Stored data entries
_ _ _ _ _

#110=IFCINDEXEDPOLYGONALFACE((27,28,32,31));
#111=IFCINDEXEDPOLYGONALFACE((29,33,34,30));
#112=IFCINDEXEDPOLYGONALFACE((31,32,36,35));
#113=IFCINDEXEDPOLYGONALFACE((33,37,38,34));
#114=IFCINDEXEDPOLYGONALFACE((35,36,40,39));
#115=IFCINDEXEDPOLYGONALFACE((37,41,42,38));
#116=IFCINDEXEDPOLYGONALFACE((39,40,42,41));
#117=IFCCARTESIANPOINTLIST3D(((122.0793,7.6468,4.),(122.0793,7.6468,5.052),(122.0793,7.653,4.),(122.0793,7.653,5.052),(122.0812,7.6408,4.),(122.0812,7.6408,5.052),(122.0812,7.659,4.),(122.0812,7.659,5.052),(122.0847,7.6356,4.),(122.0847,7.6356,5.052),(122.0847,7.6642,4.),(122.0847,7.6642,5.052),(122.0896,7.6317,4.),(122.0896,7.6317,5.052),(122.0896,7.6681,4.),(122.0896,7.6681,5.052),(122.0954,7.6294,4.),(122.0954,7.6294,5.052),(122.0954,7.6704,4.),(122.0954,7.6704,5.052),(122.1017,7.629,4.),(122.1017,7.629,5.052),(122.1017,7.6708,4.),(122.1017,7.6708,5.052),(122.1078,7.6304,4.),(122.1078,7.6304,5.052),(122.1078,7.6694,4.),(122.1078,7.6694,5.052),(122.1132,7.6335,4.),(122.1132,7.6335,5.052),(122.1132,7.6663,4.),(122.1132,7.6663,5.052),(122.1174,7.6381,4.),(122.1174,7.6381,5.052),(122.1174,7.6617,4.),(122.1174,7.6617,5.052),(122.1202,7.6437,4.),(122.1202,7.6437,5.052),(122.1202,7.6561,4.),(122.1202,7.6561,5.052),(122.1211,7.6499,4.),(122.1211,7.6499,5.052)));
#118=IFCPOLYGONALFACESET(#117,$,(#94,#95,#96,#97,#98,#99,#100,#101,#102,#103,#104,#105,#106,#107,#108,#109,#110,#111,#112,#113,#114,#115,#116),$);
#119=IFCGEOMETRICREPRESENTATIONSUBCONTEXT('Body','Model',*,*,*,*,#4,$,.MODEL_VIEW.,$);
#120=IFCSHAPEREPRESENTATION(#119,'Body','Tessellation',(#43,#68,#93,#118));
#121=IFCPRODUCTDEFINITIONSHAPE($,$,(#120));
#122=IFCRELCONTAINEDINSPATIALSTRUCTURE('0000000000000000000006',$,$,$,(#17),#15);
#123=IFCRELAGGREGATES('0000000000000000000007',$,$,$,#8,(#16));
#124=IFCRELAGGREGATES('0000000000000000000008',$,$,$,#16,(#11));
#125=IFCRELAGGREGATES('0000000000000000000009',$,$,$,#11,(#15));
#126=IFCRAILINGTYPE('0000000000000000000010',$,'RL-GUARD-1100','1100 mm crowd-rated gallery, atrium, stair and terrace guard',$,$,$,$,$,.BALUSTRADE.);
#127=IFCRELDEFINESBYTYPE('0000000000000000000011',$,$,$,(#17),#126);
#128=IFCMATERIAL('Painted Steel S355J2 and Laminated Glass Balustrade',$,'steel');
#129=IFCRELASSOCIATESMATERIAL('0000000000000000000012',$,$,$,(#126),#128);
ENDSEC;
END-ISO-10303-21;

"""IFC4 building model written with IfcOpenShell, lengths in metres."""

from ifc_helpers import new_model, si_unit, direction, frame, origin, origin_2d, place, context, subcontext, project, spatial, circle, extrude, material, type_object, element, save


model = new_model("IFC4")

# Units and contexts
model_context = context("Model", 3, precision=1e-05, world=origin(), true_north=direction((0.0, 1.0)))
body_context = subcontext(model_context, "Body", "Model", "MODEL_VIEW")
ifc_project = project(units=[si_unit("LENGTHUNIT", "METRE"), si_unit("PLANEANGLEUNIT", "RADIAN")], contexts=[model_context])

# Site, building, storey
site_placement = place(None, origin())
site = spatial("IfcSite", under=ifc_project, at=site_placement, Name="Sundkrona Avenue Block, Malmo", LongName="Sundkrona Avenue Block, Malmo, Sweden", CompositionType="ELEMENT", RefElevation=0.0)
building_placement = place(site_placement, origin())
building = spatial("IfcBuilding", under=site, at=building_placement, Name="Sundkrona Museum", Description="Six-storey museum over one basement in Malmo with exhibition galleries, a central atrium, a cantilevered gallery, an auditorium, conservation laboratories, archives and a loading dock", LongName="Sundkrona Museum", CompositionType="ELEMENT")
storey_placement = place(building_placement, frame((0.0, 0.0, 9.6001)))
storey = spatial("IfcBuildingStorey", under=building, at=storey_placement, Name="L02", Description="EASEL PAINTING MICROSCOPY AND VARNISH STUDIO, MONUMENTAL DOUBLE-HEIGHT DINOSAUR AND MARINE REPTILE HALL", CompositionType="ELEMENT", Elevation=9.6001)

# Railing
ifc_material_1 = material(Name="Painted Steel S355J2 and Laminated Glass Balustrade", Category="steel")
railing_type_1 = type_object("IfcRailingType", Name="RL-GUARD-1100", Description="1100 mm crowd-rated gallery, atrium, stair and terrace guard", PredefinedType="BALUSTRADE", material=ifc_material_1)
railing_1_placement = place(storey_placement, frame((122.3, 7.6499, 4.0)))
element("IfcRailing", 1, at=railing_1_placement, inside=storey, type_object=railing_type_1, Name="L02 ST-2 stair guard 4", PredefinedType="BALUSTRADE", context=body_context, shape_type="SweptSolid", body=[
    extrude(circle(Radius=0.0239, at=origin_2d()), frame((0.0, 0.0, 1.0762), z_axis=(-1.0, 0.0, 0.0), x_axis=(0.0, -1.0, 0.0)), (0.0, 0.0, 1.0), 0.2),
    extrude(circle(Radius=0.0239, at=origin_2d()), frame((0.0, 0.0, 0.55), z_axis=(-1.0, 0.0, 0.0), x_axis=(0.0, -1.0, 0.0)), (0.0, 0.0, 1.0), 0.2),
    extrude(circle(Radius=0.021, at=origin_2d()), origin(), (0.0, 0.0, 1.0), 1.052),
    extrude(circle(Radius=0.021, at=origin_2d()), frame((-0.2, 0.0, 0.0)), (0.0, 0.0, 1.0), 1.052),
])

_ _ _ _ _

### Directions for this task
Using the records above, report how many lines include "terrace", with no words around the number.

### Output for this task
2